== PROBLEM ==
Hunt through the entries for the word "IFCRELAGGREGATES" and copy each line in which it appears.

== DATA TO PROCESS ==
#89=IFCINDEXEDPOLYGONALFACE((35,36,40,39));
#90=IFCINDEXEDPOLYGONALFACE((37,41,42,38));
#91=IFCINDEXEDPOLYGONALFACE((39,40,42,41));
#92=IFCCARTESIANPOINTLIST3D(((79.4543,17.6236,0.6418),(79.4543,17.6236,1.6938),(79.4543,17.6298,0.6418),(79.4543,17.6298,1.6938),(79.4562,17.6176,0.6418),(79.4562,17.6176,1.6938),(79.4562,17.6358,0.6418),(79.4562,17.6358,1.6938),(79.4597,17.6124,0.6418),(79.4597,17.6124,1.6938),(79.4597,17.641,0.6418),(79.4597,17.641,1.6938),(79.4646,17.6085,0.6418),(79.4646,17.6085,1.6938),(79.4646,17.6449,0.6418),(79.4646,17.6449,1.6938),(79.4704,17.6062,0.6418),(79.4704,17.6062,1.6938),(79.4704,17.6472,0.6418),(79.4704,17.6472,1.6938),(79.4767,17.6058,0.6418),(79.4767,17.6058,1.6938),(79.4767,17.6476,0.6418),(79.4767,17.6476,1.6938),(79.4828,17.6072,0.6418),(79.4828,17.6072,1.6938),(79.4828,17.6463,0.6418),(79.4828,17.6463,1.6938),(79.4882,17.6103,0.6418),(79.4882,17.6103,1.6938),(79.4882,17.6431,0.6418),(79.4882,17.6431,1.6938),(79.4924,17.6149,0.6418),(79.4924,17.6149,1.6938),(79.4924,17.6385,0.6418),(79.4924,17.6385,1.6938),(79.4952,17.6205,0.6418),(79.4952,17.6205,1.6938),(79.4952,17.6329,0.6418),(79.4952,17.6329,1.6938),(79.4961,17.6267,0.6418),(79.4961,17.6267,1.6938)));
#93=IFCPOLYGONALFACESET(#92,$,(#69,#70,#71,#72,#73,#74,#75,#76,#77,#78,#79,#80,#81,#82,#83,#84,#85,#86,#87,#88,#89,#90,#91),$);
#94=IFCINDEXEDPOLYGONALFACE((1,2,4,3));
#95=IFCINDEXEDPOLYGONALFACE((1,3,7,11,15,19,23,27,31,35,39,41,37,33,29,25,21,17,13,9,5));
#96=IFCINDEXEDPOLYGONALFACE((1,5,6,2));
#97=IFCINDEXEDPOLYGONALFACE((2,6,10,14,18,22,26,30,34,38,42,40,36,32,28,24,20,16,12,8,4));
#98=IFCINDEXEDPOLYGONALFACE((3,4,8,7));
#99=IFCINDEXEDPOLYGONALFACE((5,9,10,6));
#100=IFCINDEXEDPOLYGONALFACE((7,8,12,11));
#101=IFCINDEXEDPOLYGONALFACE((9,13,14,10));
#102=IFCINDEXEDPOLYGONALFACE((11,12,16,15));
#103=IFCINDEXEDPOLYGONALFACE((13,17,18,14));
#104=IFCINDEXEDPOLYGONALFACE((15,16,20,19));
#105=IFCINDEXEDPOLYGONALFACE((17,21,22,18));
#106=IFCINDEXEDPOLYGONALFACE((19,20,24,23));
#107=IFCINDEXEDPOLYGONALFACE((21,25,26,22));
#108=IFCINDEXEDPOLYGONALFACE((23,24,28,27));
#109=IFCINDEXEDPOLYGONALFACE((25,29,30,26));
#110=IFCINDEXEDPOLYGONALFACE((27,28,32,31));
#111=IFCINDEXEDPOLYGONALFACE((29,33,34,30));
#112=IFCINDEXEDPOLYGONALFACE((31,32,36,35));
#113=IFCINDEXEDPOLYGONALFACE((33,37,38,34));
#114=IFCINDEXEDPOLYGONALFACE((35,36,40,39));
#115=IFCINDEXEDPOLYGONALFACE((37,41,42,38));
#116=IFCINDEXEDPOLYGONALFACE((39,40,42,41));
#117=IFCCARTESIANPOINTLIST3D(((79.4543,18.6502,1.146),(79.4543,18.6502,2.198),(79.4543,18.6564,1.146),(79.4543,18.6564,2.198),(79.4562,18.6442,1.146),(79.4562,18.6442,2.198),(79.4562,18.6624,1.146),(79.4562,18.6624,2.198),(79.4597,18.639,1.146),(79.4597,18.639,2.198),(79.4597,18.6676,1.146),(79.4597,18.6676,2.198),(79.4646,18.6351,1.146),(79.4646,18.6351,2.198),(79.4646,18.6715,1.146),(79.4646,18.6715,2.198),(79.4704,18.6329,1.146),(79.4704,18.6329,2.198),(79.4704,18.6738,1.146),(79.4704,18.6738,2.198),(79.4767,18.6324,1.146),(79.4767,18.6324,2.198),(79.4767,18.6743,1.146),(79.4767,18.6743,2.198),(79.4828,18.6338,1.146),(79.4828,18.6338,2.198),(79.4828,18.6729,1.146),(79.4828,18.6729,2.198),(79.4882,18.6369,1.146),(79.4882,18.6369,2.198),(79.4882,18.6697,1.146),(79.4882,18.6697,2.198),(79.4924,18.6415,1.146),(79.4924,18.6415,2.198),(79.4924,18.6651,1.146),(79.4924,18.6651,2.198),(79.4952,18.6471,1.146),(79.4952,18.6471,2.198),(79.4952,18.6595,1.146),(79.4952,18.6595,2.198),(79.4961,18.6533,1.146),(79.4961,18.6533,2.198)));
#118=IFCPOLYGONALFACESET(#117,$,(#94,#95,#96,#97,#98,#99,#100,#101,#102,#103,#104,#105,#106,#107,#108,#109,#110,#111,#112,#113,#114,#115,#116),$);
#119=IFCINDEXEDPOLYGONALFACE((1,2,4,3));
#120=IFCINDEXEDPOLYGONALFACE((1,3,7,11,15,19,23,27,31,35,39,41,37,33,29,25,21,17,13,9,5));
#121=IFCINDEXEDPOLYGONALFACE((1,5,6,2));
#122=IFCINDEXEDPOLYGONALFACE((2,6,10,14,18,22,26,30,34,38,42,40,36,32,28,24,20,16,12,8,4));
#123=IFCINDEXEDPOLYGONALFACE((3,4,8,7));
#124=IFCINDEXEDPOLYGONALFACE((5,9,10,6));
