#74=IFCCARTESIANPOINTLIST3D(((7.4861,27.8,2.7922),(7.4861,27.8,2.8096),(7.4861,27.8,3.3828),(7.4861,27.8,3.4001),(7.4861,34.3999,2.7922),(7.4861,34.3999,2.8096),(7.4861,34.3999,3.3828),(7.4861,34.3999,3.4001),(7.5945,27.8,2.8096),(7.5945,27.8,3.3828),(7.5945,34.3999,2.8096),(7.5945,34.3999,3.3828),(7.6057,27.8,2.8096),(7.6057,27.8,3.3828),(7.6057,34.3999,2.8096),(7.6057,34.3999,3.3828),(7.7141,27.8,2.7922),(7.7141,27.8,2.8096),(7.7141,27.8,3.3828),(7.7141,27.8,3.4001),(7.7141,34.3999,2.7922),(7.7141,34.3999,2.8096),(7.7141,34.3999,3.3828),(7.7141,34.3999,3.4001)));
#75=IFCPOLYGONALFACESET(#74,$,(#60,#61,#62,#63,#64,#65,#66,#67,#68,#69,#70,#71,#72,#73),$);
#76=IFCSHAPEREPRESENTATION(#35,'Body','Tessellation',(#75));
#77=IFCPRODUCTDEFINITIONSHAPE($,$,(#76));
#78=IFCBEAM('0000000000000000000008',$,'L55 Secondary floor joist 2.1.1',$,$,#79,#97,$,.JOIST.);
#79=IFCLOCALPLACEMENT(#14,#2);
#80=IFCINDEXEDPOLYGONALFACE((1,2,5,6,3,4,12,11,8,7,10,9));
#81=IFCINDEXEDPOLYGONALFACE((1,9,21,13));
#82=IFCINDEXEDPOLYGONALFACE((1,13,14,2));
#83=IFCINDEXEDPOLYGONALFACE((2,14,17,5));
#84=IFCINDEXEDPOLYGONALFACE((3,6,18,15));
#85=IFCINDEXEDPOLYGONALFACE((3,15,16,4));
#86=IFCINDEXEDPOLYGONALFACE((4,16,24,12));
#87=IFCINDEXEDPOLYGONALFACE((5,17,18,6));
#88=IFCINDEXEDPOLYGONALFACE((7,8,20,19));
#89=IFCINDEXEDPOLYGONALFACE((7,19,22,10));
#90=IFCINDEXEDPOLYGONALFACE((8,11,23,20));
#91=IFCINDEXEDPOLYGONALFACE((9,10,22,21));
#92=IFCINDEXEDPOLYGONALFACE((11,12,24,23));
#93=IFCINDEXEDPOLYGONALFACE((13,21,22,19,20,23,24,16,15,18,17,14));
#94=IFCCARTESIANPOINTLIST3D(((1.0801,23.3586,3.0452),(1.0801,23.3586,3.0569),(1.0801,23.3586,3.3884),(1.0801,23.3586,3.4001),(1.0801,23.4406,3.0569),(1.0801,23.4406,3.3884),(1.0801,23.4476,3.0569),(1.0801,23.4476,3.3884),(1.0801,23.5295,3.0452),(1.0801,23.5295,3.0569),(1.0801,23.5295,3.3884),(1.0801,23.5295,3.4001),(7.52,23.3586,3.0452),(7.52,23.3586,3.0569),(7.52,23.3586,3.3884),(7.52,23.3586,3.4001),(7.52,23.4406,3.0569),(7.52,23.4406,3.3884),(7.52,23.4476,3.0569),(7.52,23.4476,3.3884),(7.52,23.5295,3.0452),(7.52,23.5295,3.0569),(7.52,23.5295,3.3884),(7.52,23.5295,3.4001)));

---

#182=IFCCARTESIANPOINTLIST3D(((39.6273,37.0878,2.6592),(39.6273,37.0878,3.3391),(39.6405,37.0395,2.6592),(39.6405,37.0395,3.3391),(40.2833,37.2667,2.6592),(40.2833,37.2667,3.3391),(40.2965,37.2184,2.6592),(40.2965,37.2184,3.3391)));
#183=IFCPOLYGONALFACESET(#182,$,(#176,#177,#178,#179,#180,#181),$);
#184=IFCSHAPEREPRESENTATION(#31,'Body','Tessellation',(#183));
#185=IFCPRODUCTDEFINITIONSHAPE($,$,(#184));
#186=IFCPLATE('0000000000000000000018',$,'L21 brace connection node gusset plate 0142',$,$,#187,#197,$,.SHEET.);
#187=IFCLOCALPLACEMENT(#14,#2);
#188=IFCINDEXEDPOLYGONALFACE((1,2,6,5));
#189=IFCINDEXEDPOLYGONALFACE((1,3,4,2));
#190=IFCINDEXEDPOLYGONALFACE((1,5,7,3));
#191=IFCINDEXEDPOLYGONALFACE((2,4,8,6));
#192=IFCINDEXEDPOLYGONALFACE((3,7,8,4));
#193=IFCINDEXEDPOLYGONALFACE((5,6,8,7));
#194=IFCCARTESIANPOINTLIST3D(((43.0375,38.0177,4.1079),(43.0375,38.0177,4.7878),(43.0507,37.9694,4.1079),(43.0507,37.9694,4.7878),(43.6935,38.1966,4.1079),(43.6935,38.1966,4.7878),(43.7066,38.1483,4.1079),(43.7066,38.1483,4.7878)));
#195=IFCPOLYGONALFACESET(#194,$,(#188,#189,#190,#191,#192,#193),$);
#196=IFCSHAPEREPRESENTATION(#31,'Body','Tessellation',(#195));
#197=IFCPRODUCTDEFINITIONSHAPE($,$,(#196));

==

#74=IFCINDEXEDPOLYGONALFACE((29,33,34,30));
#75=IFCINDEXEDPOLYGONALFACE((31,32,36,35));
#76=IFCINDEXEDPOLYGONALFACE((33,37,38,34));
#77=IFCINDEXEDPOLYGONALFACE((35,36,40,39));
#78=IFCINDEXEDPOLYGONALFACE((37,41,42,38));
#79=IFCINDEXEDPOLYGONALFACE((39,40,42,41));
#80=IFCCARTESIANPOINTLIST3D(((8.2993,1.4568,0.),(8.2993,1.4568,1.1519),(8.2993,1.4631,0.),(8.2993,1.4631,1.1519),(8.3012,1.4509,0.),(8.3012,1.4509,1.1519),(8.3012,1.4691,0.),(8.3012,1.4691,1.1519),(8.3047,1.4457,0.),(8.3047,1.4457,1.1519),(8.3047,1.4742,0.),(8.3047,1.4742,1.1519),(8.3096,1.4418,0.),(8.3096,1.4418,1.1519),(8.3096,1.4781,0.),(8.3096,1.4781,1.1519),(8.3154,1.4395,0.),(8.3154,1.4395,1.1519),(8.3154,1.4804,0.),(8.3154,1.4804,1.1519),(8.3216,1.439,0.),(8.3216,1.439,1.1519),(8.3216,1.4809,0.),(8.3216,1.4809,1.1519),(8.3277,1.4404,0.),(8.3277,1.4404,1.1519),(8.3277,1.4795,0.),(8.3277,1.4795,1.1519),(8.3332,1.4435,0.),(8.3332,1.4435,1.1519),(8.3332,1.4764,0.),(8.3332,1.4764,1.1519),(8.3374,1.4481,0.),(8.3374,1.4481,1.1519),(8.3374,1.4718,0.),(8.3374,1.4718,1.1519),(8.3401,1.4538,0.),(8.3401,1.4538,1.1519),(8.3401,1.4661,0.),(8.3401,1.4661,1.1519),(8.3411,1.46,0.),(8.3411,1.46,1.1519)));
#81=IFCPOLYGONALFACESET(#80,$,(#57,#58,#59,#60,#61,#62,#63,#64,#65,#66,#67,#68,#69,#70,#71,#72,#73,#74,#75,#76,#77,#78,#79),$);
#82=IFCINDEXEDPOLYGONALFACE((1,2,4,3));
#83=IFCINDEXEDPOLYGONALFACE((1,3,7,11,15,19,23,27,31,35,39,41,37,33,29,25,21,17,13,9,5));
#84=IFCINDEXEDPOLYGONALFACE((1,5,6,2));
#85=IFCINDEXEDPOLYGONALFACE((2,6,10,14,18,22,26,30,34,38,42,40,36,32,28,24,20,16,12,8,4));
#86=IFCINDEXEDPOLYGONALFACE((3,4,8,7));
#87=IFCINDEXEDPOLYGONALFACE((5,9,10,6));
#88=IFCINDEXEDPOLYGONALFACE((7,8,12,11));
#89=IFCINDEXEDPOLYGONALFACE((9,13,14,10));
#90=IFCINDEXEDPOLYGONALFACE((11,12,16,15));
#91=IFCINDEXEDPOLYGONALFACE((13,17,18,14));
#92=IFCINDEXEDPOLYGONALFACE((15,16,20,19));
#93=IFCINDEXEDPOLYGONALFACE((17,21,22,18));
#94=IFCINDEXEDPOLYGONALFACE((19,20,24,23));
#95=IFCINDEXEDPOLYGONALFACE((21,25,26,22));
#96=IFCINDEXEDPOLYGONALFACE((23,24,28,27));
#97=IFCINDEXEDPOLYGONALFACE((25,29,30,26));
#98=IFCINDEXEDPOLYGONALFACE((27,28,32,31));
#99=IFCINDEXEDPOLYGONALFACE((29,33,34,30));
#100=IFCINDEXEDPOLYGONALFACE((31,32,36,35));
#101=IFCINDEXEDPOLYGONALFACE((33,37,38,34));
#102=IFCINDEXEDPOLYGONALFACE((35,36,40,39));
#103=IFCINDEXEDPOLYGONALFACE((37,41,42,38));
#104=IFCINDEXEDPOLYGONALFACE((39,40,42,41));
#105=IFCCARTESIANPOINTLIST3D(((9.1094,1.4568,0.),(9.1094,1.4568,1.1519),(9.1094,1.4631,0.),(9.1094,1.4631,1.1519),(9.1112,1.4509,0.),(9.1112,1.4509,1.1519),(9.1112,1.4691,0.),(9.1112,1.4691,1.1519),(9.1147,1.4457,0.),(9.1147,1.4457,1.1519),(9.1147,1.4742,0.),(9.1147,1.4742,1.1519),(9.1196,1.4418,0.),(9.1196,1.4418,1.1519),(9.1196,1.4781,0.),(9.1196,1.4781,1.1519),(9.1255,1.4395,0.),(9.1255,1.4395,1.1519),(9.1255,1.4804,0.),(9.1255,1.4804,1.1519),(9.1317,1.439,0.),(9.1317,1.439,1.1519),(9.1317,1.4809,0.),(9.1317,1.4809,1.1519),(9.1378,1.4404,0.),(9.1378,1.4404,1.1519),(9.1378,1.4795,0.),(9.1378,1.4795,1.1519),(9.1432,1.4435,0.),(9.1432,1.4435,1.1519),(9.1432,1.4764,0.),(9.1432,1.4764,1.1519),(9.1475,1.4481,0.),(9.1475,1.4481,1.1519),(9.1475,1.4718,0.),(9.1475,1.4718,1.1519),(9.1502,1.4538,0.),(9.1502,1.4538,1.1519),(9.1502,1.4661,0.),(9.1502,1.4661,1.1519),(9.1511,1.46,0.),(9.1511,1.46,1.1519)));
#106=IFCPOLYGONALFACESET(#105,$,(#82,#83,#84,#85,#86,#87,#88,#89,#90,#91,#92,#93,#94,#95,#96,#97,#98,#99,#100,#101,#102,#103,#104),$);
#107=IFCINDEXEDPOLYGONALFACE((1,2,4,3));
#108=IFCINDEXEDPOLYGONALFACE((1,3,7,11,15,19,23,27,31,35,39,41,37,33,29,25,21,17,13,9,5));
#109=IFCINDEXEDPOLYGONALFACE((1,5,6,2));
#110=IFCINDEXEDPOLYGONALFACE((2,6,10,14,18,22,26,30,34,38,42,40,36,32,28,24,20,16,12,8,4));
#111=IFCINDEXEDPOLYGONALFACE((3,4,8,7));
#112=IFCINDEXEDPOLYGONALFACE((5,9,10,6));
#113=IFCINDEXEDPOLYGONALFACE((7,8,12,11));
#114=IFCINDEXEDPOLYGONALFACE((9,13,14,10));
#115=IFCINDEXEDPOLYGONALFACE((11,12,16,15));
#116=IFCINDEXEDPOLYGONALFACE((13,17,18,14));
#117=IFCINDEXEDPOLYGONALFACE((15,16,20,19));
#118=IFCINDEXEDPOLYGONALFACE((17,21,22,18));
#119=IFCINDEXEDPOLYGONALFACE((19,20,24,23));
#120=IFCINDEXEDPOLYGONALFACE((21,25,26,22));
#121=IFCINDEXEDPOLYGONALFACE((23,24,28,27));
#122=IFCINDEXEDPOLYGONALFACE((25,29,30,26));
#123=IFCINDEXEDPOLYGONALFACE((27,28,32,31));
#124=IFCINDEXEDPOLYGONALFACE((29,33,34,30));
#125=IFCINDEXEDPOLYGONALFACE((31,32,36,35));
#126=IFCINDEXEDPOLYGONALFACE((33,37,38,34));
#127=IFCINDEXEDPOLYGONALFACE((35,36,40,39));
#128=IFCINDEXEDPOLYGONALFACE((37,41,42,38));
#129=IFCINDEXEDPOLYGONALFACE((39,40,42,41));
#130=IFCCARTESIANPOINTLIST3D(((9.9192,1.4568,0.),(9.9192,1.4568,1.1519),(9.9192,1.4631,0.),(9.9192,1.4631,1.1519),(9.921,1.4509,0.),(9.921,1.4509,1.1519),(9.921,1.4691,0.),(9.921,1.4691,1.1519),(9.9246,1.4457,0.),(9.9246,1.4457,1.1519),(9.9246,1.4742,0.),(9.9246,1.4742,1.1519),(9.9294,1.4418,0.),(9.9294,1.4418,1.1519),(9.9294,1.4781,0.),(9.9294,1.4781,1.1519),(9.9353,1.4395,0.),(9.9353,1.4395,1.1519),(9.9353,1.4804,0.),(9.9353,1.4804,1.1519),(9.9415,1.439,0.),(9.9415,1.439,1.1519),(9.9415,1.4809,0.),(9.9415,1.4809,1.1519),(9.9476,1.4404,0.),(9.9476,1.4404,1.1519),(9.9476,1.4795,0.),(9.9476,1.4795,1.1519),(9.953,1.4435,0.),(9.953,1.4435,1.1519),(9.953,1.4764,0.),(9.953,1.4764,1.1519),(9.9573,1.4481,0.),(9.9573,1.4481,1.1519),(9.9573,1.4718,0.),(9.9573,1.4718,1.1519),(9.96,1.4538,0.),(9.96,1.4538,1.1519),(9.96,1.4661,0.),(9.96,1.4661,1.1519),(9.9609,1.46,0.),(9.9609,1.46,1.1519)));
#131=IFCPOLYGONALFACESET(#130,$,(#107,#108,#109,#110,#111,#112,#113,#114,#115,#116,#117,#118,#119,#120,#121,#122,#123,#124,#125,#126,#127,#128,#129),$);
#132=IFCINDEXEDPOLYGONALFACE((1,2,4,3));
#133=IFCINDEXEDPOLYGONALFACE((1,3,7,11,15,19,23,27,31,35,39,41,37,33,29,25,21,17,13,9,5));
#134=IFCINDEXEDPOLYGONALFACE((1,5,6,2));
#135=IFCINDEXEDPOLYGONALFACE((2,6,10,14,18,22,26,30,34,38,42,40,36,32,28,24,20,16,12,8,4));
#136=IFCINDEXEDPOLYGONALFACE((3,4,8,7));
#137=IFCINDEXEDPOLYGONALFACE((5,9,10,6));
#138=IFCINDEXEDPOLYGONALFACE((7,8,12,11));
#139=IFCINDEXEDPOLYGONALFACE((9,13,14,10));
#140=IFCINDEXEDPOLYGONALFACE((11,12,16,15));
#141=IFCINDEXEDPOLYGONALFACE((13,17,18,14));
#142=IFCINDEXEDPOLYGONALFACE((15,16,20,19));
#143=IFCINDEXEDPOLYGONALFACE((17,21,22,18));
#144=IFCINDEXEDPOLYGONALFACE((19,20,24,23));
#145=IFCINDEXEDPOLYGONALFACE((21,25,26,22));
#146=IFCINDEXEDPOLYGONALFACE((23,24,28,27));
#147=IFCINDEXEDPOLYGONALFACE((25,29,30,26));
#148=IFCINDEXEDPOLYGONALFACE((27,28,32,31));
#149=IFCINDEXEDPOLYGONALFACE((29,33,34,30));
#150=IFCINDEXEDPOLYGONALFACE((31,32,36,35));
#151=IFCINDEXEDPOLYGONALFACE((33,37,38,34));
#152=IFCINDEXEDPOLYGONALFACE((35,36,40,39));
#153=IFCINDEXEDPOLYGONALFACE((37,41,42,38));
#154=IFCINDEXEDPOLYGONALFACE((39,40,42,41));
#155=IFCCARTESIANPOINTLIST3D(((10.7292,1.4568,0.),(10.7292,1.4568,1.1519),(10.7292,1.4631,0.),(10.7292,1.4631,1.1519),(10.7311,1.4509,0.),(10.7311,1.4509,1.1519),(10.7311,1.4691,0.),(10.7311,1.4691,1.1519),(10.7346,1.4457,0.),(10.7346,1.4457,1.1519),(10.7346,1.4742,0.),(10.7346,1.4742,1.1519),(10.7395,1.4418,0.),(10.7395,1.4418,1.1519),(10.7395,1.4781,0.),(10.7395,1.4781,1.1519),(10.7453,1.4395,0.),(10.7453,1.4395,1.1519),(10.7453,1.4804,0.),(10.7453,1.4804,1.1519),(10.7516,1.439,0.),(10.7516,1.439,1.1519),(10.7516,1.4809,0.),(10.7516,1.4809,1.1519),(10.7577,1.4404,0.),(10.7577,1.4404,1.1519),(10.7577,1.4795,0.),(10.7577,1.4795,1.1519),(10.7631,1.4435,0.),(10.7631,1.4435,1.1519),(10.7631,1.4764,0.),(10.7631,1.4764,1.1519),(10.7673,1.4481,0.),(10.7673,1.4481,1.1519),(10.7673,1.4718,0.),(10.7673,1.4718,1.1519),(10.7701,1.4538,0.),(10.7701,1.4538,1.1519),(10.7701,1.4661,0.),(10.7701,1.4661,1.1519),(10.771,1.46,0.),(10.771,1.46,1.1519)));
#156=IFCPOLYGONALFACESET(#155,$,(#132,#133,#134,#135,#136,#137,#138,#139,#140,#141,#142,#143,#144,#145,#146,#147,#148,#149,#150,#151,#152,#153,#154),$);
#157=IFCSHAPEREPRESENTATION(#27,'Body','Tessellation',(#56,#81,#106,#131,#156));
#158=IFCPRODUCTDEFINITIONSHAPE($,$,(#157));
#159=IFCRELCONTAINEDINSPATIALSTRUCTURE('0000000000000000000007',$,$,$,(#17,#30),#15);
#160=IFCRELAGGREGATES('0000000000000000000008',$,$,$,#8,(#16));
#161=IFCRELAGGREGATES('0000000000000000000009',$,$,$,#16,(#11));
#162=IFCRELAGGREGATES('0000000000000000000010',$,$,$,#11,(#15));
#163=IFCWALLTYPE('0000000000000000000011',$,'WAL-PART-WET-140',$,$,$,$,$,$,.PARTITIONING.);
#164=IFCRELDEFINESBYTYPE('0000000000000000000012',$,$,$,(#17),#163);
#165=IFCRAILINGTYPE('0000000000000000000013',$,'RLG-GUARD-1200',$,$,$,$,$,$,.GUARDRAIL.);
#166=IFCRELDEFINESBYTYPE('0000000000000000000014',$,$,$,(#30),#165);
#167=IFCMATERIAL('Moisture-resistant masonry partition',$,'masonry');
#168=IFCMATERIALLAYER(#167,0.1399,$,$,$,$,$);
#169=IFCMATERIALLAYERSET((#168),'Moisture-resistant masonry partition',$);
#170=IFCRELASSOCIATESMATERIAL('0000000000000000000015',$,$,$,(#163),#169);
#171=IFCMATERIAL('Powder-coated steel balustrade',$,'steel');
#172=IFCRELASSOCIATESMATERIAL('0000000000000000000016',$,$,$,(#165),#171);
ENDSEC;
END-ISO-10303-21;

== ANSWER SECTION ==
#160=IFCRELAGGREGATES('0000000000000000000008',$,$,$,#8,(#16));
#161=IFCRELAGGREGATES('0000000000000000000009',$,$,$,#16,(#11));
#162=IFCRELAGGREGATES('0000000000000000000010',$,$,$,#11,(#15));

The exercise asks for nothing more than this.